§ WORK ITEM
In the entries below, find every line with the string "IFCMATERIAL" and copy it.

§ Collected data
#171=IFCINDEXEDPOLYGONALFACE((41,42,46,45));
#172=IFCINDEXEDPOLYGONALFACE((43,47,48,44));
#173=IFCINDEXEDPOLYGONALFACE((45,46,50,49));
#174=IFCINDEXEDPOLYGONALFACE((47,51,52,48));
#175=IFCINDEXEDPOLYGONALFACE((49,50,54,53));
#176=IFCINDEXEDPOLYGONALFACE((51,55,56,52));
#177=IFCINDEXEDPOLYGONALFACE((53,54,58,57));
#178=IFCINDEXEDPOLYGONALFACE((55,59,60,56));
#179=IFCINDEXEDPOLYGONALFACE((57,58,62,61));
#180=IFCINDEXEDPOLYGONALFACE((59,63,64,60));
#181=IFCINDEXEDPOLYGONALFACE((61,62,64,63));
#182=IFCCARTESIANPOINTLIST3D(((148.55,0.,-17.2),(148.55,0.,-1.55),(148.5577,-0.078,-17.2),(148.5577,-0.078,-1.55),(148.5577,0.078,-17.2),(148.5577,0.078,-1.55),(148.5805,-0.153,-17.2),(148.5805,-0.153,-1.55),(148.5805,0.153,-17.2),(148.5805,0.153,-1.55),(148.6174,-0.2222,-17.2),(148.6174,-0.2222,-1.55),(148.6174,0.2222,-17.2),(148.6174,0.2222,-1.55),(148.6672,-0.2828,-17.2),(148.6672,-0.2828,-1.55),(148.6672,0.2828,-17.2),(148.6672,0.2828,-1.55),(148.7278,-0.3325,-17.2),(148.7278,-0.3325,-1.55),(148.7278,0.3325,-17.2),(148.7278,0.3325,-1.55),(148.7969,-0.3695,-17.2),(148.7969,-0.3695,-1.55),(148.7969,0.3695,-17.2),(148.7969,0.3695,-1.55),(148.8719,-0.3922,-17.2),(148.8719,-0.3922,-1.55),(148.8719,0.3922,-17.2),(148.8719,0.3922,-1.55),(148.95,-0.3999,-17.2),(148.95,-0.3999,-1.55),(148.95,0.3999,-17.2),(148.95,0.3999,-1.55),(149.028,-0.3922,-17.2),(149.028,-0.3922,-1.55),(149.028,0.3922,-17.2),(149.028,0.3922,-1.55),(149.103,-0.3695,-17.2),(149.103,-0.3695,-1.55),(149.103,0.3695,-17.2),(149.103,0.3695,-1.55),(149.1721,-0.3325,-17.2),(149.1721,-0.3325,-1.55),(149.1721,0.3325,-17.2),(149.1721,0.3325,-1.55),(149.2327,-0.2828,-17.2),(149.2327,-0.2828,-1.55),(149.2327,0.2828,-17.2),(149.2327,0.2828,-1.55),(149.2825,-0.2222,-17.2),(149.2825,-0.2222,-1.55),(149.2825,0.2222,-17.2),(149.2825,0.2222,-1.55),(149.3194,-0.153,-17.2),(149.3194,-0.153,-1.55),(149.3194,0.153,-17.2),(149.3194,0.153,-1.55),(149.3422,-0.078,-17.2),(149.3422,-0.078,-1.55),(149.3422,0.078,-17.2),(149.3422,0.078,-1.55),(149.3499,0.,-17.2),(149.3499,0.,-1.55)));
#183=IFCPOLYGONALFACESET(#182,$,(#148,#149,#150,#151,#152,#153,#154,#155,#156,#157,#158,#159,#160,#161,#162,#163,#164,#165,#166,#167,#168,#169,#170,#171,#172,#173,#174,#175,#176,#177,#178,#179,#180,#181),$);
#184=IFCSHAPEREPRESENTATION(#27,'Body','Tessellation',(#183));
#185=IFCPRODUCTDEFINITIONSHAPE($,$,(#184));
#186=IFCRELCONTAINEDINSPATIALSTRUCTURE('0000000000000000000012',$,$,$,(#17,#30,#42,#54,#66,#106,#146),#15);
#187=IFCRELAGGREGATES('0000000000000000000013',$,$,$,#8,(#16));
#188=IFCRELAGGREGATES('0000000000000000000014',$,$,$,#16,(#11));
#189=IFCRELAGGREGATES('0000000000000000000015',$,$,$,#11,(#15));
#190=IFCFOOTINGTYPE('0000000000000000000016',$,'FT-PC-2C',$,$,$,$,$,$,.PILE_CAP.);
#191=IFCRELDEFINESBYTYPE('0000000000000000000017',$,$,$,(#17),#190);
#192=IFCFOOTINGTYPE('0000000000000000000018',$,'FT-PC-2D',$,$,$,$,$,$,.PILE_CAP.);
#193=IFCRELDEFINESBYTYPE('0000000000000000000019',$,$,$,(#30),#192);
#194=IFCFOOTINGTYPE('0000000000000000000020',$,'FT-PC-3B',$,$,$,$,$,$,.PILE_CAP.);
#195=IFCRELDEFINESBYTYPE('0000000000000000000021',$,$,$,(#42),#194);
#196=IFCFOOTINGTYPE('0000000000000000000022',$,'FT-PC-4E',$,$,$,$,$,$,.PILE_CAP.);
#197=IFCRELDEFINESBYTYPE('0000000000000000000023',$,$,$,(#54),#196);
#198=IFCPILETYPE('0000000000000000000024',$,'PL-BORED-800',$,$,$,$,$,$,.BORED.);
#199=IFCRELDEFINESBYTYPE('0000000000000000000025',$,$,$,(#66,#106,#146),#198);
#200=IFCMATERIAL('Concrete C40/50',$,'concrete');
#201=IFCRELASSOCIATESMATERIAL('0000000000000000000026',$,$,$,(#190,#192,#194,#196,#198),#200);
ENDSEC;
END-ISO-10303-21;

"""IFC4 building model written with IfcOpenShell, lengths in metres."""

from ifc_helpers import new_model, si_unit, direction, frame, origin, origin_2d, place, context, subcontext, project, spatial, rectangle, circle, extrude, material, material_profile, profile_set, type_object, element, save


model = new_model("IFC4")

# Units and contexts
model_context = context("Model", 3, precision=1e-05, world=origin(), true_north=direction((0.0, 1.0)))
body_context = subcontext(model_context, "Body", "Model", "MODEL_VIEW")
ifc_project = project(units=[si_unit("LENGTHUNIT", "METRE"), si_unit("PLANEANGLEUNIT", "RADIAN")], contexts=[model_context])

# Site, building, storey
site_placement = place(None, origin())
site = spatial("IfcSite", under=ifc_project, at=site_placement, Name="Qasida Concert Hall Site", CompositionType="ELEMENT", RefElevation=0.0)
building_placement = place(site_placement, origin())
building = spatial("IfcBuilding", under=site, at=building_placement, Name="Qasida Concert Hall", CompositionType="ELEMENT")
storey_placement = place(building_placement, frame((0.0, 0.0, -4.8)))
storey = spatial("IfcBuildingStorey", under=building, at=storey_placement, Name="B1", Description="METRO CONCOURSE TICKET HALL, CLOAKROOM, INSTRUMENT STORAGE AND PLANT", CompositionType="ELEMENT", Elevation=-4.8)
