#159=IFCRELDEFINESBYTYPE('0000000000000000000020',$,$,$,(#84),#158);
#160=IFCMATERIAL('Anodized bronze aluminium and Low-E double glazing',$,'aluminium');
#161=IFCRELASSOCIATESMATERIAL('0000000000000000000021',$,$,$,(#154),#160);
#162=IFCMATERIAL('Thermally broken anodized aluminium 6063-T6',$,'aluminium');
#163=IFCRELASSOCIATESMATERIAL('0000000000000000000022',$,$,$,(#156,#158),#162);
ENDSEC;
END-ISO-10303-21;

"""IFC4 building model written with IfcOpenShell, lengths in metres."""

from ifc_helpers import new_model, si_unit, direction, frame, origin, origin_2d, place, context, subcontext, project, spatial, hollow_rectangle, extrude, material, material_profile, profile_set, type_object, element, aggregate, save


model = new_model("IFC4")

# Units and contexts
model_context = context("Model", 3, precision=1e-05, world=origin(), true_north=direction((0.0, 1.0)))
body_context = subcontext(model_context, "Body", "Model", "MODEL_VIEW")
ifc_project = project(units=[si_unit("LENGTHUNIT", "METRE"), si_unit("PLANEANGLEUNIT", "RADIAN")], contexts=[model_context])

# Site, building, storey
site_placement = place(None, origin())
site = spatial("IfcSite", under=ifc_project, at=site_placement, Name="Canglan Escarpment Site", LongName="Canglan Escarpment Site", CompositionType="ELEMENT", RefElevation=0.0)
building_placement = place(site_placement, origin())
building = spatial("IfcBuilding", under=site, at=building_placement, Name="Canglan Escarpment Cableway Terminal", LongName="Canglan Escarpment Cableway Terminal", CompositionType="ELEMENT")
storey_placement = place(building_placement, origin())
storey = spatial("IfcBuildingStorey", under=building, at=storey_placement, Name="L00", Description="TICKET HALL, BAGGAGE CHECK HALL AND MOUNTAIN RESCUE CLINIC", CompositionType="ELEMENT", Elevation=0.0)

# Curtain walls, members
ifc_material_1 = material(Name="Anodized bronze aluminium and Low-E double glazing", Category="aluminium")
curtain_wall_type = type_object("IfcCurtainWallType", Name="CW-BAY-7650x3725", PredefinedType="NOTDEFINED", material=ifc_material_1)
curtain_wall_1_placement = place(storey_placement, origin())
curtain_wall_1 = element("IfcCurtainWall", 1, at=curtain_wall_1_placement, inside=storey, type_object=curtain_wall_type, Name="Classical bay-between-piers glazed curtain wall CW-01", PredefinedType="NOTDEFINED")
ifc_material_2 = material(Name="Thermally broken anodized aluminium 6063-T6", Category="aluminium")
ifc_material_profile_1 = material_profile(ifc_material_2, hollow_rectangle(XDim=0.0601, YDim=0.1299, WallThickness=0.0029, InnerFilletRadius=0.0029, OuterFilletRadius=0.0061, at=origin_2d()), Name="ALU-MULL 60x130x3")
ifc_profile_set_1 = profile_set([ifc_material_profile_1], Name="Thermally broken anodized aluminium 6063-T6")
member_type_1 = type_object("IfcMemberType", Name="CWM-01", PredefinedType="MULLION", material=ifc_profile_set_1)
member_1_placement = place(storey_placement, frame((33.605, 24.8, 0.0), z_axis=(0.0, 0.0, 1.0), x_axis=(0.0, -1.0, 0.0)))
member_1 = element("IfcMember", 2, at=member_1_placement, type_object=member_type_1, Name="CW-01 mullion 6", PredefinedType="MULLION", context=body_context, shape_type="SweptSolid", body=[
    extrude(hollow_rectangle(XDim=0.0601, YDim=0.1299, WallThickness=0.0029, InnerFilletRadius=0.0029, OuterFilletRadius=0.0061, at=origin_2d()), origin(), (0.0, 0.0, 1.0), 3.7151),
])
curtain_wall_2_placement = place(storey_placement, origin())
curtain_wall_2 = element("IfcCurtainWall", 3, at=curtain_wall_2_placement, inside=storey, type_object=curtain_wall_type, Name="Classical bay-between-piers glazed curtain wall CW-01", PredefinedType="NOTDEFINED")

§ WRITTEN RESPONSE
#200=IFCMATERIAL('Concrete C40/50',$,'concrete');
#160=IFCMATERIAL('Anodized bronze aluminium and Low-E double glazing',$,'aluminium');
#162=IFCMATERIAL('Thermally broken anodized aluminium 6063-T6',$,'aluminium');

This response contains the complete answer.